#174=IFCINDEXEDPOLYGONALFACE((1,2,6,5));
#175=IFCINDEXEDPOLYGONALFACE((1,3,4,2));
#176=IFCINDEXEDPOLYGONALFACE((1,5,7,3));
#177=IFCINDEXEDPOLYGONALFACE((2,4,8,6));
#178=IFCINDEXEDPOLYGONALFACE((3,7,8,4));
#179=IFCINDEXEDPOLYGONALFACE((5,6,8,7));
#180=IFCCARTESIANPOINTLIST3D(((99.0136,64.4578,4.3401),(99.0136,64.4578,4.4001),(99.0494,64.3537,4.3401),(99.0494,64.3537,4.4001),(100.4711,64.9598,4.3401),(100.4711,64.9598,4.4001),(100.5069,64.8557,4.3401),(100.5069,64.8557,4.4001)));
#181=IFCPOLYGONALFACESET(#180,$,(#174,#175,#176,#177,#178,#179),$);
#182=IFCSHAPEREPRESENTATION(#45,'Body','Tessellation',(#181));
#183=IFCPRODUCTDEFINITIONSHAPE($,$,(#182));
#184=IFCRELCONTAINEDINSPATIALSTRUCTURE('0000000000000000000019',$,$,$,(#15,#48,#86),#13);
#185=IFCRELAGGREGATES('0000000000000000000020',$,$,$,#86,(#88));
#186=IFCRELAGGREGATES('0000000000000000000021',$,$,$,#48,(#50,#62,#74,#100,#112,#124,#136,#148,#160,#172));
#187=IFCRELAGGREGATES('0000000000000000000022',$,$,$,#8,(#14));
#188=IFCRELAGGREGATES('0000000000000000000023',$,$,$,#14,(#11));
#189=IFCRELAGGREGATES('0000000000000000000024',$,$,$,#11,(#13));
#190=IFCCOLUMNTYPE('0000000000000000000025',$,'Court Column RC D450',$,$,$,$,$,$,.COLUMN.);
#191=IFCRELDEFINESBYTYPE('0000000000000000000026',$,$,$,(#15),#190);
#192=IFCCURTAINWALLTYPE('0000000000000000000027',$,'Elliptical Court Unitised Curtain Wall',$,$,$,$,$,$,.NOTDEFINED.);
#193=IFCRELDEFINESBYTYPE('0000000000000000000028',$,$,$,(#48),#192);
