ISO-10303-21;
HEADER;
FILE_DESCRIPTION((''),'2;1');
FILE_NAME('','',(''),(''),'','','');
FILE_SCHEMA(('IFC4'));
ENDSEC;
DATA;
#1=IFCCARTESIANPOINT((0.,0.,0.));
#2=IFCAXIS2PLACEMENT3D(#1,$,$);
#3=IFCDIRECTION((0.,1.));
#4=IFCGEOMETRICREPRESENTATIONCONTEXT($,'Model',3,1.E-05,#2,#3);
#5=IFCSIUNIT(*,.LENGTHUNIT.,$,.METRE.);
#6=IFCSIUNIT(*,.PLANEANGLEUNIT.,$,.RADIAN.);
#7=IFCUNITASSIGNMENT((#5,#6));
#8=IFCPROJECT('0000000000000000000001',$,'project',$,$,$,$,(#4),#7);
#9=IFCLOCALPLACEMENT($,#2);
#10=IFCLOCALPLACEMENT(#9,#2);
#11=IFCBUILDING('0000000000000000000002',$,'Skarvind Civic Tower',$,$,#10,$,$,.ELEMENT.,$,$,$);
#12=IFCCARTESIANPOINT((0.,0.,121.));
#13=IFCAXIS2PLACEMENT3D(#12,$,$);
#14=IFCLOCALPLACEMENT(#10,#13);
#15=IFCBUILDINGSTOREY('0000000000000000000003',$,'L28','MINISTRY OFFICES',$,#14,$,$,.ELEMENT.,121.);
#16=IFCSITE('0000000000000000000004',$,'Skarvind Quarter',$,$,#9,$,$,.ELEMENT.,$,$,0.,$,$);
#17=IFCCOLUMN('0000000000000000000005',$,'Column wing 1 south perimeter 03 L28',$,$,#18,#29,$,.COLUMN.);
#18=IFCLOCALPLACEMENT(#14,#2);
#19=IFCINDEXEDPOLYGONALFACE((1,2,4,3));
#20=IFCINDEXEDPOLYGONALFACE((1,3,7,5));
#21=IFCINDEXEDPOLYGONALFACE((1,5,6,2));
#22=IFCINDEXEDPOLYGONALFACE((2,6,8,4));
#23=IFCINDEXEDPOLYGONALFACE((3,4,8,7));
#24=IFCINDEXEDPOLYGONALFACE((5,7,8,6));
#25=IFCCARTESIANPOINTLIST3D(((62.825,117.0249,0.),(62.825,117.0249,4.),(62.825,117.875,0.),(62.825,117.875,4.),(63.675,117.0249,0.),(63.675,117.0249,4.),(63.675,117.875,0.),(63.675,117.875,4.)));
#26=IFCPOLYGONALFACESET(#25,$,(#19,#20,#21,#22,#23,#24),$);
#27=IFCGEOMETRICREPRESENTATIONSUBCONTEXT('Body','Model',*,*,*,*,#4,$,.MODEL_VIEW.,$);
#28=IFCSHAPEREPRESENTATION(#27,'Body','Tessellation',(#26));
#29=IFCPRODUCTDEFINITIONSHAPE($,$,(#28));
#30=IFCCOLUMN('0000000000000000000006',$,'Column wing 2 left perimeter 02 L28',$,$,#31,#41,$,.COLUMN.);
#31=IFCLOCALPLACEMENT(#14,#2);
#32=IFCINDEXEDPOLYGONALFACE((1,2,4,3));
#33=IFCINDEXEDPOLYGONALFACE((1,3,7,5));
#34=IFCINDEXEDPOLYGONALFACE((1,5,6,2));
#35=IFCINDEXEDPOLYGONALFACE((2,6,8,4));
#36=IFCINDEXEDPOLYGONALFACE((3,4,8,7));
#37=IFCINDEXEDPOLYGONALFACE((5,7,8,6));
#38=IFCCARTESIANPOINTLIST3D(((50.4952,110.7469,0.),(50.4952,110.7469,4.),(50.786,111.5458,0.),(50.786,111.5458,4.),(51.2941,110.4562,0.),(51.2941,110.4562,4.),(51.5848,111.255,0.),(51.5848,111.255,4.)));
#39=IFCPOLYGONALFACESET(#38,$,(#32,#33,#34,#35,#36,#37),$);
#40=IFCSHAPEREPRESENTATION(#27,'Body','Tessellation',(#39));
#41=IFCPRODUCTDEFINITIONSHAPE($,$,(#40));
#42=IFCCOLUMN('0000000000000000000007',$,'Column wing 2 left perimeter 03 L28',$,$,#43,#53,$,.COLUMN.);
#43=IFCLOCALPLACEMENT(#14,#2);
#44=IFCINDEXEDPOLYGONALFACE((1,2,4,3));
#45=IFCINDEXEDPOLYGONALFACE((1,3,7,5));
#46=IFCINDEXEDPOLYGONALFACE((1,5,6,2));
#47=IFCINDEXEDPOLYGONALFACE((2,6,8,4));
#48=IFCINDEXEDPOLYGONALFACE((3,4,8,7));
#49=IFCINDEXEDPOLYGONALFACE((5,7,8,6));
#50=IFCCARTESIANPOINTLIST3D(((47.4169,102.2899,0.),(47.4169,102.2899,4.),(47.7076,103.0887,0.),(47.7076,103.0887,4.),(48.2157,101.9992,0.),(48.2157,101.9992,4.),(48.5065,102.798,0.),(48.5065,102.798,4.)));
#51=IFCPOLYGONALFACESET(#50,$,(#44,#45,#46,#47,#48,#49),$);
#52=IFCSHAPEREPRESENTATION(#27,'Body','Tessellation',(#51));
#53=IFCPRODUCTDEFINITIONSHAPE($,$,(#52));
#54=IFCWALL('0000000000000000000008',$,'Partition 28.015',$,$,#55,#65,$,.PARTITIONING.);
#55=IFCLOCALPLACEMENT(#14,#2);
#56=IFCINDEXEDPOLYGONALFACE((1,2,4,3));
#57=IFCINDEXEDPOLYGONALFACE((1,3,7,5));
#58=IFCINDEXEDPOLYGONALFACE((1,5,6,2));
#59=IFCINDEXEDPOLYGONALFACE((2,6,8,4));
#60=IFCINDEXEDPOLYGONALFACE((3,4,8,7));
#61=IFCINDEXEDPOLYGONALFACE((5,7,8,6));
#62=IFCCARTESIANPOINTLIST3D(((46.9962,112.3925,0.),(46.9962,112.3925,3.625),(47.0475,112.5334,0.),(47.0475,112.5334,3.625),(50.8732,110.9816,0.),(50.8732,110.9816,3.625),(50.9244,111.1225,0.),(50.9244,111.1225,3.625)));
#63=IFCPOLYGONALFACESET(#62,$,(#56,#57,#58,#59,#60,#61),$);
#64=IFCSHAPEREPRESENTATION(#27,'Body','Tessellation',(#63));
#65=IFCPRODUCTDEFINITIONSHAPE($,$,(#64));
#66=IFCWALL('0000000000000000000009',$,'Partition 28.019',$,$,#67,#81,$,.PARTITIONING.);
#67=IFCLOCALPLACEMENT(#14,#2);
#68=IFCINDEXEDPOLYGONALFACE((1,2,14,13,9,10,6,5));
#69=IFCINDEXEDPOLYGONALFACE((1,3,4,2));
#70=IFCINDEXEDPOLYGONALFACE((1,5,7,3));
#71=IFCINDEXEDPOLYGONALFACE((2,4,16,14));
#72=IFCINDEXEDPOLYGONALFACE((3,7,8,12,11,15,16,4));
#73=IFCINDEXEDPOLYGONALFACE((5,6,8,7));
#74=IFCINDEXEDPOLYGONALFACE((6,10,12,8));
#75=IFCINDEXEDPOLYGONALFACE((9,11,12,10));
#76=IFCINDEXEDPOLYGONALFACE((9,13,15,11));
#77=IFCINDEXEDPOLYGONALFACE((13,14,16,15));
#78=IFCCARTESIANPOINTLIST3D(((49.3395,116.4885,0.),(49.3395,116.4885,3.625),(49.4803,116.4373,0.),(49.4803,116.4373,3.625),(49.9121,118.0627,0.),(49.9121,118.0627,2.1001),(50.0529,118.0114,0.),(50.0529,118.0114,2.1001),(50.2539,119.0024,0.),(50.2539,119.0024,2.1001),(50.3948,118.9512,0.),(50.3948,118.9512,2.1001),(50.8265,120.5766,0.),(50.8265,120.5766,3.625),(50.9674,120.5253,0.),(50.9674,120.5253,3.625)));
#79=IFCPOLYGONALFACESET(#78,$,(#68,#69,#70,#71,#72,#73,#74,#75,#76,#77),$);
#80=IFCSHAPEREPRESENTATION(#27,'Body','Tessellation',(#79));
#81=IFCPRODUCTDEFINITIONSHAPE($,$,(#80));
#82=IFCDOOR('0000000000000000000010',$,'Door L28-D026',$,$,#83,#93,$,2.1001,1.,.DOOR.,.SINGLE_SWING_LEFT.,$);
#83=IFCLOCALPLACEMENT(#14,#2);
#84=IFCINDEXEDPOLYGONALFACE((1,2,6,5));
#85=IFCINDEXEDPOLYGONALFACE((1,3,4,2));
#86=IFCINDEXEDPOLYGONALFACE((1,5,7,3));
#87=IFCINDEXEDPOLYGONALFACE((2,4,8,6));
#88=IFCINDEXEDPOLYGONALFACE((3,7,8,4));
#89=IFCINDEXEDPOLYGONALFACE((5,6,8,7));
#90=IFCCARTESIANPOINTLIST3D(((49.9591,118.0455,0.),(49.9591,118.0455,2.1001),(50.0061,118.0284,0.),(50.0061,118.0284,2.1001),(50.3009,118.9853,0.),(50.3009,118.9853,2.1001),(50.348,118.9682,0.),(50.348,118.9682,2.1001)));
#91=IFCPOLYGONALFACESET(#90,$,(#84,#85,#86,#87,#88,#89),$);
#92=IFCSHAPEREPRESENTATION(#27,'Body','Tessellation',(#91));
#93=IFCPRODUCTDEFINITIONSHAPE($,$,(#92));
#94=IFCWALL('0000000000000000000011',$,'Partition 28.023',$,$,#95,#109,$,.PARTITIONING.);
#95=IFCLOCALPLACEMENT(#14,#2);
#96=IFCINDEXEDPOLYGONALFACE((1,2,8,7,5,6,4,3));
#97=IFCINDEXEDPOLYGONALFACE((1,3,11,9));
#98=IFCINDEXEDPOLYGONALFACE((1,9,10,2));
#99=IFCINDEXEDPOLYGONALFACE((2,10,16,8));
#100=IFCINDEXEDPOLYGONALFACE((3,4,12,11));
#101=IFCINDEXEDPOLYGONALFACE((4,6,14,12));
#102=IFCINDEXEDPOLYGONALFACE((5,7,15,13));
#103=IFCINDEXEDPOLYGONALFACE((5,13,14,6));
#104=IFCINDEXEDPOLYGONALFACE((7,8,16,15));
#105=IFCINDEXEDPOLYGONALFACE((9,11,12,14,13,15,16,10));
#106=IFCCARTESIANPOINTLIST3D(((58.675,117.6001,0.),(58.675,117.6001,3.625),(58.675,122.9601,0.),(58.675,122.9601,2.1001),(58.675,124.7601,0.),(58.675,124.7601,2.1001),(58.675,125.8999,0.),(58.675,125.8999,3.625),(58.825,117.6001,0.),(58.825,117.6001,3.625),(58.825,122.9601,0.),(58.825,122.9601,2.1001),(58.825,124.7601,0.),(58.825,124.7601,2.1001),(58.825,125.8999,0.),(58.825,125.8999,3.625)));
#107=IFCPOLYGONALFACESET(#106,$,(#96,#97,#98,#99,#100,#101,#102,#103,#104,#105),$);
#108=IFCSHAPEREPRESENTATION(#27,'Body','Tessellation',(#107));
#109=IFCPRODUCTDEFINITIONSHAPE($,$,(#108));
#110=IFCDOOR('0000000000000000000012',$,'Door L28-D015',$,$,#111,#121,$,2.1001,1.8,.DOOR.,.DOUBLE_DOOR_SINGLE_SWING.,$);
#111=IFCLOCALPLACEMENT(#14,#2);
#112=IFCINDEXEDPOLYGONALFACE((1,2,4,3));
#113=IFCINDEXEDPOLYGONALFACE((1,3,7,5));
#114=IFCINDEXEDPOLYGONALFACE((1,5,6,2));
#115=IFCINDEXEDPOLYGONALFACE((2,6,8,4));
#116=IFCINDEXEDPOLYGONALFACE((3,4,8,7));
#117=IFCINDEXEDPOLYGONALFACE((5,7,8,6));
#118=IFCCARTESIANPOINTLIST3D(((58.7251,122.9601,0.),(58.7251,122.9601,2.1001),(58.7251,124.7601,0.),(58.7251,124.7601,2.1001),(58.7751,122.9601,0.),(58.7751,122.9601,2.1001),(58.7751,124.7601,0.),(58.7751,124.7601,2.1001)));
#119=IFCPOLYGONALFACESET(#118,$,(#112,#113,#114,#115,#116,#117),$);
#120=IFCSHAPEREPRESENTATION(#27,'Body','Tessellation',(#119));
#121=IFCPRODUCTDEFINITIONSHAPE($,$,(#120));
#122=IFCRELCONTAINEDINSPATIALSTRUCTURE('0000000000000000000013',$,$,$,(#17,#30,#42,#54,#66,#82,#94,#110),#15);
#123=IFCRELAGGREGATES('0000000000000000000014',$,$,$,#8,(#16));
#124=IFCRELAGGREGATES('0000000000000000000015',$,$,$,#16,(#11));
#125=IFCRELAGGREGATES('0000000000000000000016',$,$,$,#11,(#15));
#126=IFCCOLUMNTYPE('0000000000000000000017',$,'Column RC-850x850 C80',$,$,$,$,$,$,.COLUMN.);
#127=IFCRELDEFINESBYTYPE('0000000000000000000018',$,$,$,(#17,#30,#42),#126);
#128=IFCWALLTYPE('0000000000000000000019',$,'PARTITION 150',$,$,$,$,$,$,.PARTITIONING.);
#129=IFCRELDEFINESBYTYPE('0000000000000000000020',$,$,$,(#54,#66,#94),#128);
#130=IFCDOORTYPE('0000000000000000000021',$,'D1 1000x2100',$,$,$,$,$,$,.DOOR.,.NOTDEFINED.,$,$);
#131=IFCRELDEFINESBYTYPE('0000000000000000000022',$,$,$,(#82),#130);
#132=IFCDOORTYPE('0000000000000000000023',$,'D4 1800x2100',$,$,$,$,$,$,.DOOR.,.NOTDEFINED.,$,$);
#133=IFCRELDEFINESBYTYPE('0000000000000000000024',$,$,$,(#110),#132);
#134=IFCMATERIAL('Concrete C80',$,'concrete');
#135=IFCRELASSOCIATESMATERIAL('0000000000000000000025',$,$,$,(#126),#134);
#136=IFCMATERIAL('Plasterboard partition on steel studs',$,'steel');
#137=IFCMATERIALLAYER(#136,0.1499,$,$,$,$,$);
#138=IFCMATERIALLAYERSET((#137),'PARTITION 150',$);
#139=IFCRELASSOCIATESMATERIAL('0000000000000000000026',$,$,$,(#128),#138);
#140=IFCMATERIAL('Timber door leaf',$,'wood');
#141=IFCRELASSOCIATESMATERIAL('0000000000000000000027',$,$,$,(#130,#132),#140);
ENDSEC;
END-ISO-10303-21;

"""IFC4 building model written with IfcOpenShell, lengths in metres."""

from ifc_helpers import new_model, si_unit, direction, frame, frame_2d, origin, origin_2d, place, context, subcontext, project, spatial, rectangle, extrude, material, layer, layer_set, material_profile, profile_set, type_object, element, fill, save


model = new_model("IFC4")

# Units and contexts
model_context = context("Model", 3, precision=1e-05, world=origin(), true_north=direction((0.0, 1.0)))
body_context = subcontext(model_context, "Body", "Model", "MODEL_VIEW")
ifc_project = project(units=[si_unit("LENGTHUNIT", "METRE"), si_unit("PLANEANGLEUNIT", "RADIAN")], contexts=[model_context])

# Site, building, storey
site_placement = place(None, origin())
site = spatial("IfcSite", under=ifc_project, at=site_placement, Name="Skarvind Quarter", CompositionType="ELEMENT", RefElevation=0.0)
building_placement = place(site_placement, origin())
building = spatial("IfcBuilding", under=site, at=building_placement, Name="Skarvind Civic Tower", CompositionType="ELEMENT")
storey_placement = place(building_placement, frame((0.0, 0.0, 121.0)))
storey = spatial("IfcBuildingStorey", under=building, at=storey_placement, Name="L28", Description="MINISTRY OFFICES", CompositionType="ELEMENT", Elevation=121.0)

# Columns
ifc_material_1 = material(Name="Concrete C80", Category="concrete")
ifc_material_profile_1 = material_profile(ifc_material_1, rectangle(XDim=0.8501, YDim=0.8501, at=origin_2d()), Name="RC-850x850")
ifc_profile_set_1 = profile_set([ifc_material_profile_1], Name="Concrete C80")
column_type = type_object("IfcColumnType", Name="Column RC-850x850 C80", PredefinedType="COLUMN", material=ifc_profile_set_1)
for number, where, z_axis, x_axis, name in (
    (1, (63.25, 117.45, 0.0), (0.0, 0.0, 1.0), (1.0, 0.0, 0.0), "Column wing 1 south perimeter 03 L28"),
    (2, (51.04, 111.001, 0.0), (0.0, 0.0, 1.0), (-0.34202, -0.939693, 0.0), "Column wing 2 left perimeter 02 L28"),
    (3, (47.9617, 102.5439, 0.0), (0.0, 0.0, 1.0), (-0.34202, -0.939693, 0.0), "Column wing 2 left perimeter 03 L28"),
):
    element("IfcColumn", number, at=place(storey_placement, frame(where, z_axis=z_axis, x_axis=x_axis)), inside=storey, type_object=column_type, Name=name, PredefinedType="COLUMN", context=body_context, shape_type="SweptSolid", body=[
        extrude(rectangle(XDim=0.8501, YDim=0.8501, at=origin_2d()), origin(), (0.0, 0.0, 1.0), 4.0),
    ])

---

Exercise objective>
Write the lines again exactly, from the first line of the material above to the line that includes "#189=IFCRELAGGREGATES('0000000000000000000024',$,$,$,#11,(#13));", both included. Leave out all the rest.

Result>
#174=IFCINDEXEDPOLYGONALFACE((1,2,6,5));
#175=IFCINDEXEDPOLYGONALFACE((1,3,4,2));
#176=IFCINDEXEDPOLYGONALFACE((1,5,7,3));
#177=IFCINDEXEDPOLYGONALFACE((2,4,8,6));
#178=IFCINDEXEDPOLYGONALFACE((3,7,8,4));
#179=IFCINDEXEDPOLYGONALFACE((5,6,8,7));
#180=IFCCARTESIANPOINTLIST3D(((99.0136,64.4578,4.3401),(99.0136,64.4578,4.4001),(99.0494,64.3537,4.3401),(99.0494,64.3537,4.4001),(100.4711,64.9598,4.3401),(100.4711,64.9598,4.4001),(100.5069,64.8557,4.3401),(100.5069,64.8557,4.4001)));
#181=IFCPOLYGONALFACESET(#180,$,(#174,#175,#176,#177,#178,#179),$);
#182=IFCSHAPEREPRESENTATION(#45,'Body','Tessellation',(#181));
#183=IFCPRODUCTDEFINITIONSHAPE($,$,(#182));
#184=IFCRELCONTAINEDINSPATIALSTRUCTURE('0000000000000000000019',$,$,$,(#15,#48,#86),#13);
#185=IFCRELAGGREGATES('0000000000000000000020',$,$,$,#86,(#88));
#186=IFCRELAGGREGATES('0000000000000000000021',$,$,$,#48,(#50,#62,#74,#100,#112,#124,#136,#148,#160,#172));
#187=IFCRELAGGREGATES('0000000000000000000022',$,$,$,#8,(#14));
#188=IFCRELAGGREGATES('0000000000000000000023',$,$,$,#14,(#11));
#189=IFCRELAGGREGATES('0000000000000000000024',$,$,$,#11,(#13));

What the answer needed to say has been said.